Collected data entries
══════
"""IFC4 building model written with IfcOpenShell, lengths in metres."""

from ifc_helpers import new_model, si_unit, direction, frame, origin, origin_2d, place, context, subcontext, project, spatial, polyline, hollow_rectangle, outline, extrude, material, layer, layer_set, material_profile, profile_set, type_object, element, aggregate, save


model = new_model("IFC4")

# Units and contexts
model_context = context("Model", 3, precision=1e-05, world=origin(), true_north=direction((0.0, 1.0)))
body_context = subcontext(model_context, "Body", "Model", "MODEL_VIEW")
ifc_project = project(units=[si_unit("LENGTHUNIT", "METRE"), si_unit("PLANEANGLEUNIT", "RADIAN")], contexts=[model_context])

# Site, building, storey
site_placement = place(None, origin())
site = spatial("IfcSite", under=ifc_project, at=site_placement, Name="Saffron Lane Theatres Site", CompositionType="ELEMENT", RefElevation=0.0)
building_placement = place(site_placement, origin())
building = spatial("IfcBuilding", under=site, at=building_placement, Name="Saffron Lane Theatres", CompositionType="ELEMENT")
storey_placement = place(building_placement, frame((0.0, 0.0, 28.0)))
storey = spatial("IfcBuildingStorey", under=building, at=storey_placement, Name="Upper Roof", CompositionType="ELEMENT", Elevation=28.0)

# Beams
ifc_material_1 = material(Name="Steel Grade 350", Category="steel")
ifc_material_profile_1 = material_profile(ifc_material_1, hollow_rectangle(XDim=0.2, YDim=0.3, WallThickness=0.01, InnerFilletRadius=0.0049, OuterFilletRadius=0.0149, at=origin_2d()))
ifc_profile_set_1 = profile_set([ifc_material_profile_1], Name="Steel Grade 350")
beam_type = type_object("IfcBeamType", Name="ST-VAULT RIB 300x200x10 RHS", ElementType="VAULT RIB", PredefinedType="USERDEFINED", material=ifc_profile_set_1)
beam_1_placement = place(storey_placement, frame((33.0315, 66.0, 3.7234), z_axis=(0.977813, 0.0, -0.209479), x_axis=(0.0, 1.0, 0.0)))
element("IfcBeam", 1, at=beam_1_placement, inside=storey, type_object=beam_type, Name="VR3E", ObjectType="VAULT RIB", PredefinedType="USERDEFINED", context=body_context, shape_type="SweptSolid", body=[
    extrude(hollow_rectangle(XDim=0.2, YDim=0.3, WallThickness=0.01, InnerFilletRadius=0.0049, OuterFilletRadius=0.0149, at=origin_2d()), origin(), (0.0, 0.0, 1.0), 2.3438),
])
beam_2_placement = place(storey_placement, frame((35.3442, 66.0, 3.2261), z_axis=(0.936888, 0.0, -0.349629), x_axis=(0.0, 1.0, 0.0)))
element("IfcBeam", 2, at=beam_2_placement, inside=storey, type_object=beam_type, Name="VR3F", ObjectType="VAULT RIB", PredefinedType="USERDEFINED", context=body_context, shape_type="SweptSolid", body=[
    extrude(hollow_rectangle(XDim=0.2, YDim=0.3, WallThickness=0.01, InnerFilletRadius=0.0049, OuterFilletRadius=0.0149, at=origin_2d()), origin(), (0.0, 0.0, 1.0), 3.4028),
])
══════
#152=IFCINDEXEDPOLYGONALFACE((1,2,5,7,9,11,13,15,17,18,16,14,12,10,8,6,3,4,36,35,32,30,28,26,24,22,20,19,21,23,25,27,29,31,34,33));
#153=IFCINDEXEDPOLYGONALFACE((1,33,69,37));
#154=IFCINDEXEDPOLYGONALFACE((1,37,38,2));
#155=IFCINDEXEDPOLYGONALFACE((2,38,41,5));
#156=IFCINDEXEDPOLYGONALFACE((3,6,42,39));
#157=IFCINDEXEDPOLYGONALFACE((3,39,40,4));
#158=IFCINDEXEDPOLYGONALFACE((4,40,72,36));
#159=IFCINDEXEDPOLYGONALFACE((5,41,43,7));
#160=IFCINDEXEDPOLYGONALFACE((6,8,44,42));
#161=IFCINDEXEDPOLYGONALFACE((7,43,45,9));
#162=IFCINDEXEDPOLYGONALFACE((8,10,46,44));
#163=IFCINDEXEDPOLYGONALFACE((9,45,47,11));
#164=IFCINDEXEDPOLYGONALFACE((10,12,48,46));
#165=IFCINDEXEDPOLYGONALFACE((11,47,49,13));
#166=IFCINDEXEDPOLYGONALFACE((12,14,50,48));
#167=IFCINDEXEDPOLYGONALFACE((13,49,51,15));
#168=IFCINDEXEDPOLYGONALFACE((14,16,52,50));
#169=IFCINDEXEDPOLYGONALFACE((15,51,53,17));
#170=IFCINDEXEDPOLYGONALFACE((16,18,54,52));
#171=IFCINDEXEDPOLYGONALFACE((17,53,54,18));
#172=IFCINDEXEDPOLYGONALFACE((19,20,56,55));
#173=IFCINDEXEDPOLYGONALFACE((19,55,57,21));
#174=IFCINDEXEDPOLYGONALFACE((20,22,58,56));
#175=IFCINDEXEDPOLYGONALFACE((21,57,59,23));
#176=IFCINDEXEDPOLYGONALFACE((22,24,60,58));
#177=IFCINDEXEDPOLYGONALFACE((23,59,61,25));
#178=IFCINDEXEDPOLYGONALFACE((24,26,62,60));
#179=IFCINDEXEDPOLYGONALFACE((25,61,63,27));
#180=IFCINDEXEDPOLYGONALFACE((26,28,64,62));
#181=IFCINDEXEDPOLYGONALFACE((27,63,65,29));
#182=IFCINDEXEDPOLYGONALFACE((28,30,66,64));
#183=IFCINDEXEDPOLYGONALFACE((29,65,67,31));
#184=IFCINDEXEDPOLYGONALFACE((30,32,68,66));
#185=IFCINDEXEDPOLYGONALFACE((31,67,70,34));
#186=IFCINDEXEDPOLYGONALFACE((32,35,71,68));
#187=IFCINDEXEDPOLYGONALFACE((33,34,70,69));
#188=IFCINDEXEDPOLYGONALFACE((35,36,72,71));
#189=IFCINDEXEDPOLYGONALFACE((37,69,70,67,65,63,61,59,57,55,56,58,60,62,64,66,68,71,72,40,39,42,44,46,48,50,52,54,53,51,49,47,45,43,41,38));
══════
_What you have to do_
Search the entries for "CompositionType" and copy out each line that has it.

_Result below_
site = spatial("IfcSite", under=ifc_project, at=site_placement, Name="Saffron Lane Theatres Site", CompositionType="ELEMENT", RefElevation=0.0)
building = spatial("IfcBuilding", under=site, at=building_placement, Name="Saffron Lane Theatres", CompositionType="ELEMENT")
storey = spatial("IfcBuildingStorey", under=building, at=storey_placement, Name="Upper Roof", CompositionType="ELEMENT", Elevation=28.0)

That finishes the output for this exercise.